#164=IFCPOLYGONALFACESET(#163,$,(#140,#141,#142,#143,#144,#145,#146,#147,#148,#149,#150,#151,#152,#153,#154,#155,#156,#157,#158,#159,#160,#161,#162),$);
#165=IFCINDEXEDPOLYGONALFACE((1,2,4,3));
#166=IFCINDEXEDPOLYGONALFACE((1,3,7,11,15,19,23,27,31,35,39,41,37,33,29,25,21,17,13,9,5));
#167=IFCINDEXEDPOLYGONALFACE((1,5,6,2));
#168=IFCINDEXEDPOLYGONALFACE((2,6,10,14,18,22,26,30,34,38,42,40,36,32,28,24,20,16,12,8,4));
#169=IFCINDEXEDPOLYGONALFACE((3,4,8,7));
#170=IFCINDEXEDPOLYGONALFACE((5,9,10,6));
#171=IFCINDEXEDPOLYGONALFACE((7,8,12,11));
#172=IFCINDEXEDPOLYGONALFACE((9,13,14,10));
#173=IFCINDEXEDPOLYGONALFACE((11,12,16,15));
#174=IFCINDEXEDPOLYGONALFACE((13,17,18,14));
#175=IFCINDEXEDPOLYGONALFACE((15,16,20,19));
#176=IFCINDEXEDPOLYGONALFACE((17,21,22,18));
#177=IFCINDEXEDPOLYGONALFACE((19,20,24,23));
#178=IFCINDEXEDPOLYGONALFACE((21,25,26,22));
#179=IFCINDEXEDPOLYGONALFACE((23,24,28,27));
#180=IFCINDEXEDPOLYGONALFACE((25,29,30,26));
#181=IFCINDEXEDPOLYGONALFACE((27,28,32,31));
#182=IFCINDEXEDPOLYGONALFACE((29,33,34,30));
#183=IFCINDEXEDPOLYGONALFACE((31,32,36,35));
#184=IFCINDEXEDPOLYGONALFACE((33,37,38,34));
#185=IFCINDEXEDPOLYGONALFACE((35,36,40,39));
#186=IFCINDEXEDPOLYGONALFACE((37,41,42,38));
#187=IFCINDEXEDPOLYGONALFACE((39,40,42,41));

* * *

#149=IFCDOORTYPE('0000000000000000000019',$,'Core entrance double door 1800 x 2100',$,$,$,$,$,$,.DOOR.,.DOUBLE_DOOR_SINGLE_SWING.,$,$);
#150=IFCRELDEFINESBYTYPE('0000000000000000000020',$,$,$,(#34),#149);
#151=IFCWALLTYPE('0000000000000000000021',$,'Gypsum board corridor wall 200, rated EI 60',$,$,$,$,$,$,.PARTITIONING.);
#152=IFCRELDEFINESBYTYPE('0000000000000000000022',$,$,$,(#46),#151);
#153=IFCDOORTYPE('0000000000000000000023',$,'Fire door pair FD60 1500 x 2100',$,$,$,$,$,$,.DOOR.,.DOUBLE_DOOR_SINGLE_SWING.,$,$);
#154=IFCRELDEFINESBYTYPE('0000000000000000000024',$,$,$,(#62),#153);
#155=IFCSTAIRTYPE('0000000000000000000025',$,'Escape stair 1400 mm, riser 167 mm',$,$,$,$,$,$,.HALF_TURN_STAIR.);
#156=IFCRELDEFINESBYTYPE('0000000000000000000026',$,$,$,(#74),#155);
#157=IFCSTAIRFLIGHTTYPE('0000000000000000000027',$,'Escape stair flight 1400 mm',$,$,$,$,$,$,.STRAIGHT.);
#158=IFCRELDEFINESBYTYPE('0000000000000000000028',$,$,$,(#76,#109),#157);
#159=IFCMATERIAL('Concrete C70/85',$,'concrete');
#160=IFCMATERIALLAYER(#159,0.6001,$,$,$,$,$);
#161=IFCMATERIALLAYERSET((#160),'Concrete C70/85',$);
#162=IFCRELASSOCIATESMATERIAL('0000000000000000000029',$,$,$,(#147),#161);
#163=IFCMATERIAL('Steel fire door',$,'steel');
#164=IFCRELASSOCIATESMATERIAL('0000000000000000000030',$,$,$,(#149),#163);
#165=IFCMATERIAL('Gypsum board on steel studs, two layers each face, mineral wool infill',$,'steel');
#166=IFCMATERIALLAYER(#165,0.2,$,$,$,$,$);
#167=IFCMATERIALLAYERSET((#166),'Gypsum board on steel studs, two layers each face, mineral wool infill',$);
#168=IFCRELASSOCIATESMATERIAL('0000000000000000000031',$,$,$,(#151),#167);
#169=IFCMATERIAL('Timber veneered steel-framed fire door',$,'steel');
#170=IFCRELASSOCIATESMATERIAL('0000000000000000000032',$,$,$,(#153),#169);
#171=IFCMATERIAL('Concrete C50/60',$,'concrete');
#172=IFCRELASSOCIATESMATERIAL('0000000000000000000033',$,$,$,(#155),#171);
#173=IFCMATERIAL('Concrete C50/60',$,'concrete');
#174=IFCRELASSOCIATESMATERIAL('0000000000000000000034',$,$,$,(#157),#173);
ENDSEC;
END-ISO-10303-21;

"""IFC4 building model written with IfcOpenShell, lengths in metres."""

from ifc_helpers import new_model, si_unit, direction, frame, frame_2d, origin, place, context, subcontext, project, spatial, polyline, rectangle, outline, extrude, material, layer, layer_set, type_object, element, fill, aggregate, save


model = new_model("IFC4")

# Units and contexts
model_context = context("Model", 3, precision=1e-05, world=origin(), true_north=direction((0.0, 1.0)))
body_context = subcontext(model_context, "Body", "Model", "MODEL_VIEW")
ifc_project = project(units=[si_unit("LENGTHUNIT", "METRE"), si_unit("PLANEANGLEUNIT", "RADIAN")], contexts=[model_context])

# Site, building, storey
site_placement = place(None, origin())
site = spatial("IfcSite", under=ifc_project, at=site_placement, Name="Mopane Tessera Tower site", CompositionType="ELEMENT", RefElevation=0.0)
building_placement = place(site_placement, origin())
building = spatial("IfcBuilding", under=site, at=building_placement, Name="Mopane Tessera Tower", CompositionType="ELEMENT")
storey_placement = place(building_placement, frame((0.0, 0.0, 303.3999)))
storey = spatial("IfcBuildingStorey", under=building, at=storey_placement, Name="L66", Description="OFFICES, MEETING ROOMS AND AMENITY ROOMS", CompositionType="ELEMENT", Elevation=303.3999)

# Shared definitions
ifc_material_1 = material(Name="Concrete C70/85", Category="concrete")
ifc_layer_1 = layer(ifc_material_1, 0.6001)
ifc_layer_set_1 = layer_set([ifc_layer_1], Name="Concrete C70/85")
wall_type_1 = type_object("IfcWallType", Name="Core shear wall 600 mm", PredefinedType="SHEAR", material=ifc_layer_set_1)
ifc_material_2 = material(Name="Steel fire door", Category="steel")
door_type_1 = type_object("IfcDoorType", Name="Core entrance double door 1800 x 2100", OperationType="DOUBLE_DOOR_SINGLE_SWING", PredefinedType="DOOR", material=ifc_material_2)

TASK INSTRUCTIONS: In your answer, include only the lines above starting at the line that holds "building_placement = place(site_placement, origin())" and ending at the line that holds "frame((0.0, 0.0, 303.3999)))", copied exactly.

EXERCISE ANSWER:
building_placement = place(site_placement, origin())
building = spatial("IfcBuilding", under=site, at=building_placement, Name="Mopane Tessera Tower", CompositionType="ELEMENT")
storey_placement = place(building_placement, frame((0.0, 0.0, 303.3999)))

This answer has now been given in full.